- EXERCISE DESCRIPTION: Starting at the first line, copy the data below through to the end, exactly.

- EXTRACTED DATA:
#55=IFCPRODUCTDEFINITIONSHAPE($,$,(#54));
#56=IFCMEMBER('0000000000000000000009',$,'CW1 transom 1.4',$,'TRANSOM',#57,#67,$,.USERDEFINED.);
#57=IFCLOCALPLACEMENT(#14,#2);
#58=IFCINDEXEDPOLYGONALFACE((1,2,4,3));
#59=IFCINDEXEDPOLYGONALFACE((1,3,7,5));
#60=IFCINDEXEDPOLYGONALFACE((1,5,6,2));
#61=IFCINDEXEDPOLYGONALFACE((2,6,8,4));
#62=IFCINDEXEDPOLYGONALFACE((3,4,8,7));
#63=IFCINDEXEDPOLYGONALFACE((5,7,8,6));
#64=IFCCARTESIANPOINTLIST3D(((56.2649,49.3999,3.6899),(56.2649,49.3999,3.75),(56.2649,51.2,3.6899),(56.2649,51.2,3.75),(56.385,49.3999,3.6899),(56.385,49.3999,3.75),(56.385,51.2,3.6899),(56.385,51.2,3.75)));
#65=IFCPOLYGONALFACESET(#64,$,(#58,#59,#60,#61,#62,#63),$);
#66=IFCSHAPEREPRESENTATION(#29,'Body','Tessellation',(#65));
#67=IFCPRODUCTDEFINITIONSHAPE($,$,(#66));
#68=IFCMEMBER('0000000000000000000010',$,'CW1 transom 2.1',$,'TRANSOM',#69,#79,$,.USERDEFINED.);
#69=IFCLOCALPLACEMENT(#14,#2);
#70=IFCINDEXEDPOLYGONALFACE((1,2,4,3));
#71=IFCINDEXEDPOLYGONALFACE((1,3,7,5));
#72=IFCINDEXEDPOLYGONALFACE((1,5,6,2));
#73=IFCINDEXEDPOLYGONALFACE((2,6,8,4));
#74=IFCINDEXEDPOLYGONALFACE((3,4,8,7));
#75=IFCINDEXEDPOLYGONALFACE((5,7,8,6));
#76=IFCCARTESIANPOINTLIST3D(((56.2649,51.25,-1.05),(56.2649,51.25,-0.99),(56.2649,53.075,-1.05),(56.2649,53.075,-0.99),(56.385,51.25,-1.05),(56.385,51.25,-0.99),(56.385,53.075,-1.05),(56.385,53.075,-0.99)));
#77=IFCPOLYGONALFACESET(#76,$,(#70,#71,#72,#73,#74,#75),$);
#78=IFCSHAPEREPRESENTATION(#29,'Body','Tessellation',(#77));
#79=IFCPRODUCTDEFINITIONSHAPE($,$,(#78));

- TASK SOLUTION:
#55=IFCPRODUCTDEFINITIONSHAPE($,$,(#54));
#56=IFCMEMBER('0000000000000000000009',$,'CW1 transom 1.4',$,'TRANSOM',#57,#67,$,.USERDEFINED.);
#57=IFCLOCALPLACEMENT(#14,#2);
#58=IFCINDEXEDPOLYGONALFACE((1,2,4,3));
#59=IFCINDEXEDPOLYGONALFACE((1,3,7,5));
#60=IFCINDEXEDPOLYGONALFACE((1,5,6,2));
#61=IFCINDEXEDPOLYGONALFACE((2,6,8,4));
#62=IFCINDEXEDPOLYGONALFACE((3,4,8,7));
#63=IFCINDEXEDPOLYGONALFACE((5,7,8,6));
#64=IFCCARTESIANPOINTLIST3D(((56.2649,49.3999,3.6899),(56.2649,49.3999,3.75),(56.2649,51.2,3.6899),(56.2649,51.2,3.75),(56.385,49.3999,3.6899),(56.385,49.3999,3.75),(56.385,51.2,3.6899),(56.385,51.2,3.75)));
#65=IFCPOLYGONALFACESET(#64,$,(#58,#59,#60,#61,#62,#63),$);
#66=IFCSHAPEREPRESENTATION(#29,'Body','Tessellation',(#65));
#67=IFCPRODUCTDEFINITIONSHAPE($,$,(#66));
#68=IFCMEMBER('0000000000000000000010',$,'CW1 transom 2.1',$,'TRANSOM',#69,#79,$,.USERDEFINED.);
#69=IFCLOCALPLACEMENT(#14,#2);
#70=IFCINDEXEDPOLYGONALFACE((1,2,4,3));
#71=IFCINDEXEDPOLYGONALFACE((1,3,7,5));
#72=IFCINDEXEDPOLYGONALFACE((1,5,6,2));
#73=IFCINDEXEDPOLYGONALFACE((2,6,8,4));
#74=IFCINDEXEDPOLYGONALFACE((3,4,8,7));
#75=IFCINDEXEDPOLYGONALFACE((5,7,8,6));
#76=IFCCARTESIANPOINTLIST3D(((56.2649,51.25,-1.05),(56.2649,51.25,-0.99),(56.2649,53.075,-1.05),(56.2649,53.075,-0.99),(56.385,51.25,-1.05),(56.385,51.25,-0.99),(56.385,53.075,-1.05),(56.385,53.075,-0.99)));
#77=IFCPOLYGONALFACESET(#76,$,(#70,#71,#72,#73,#74,#75),$);
#78=IFCSHAPEREPRESENTATION(#29,'Body','Tessellation',(#77));
#79=IFCPRODUCTDEFINITIONSHAPE($,$,(#78));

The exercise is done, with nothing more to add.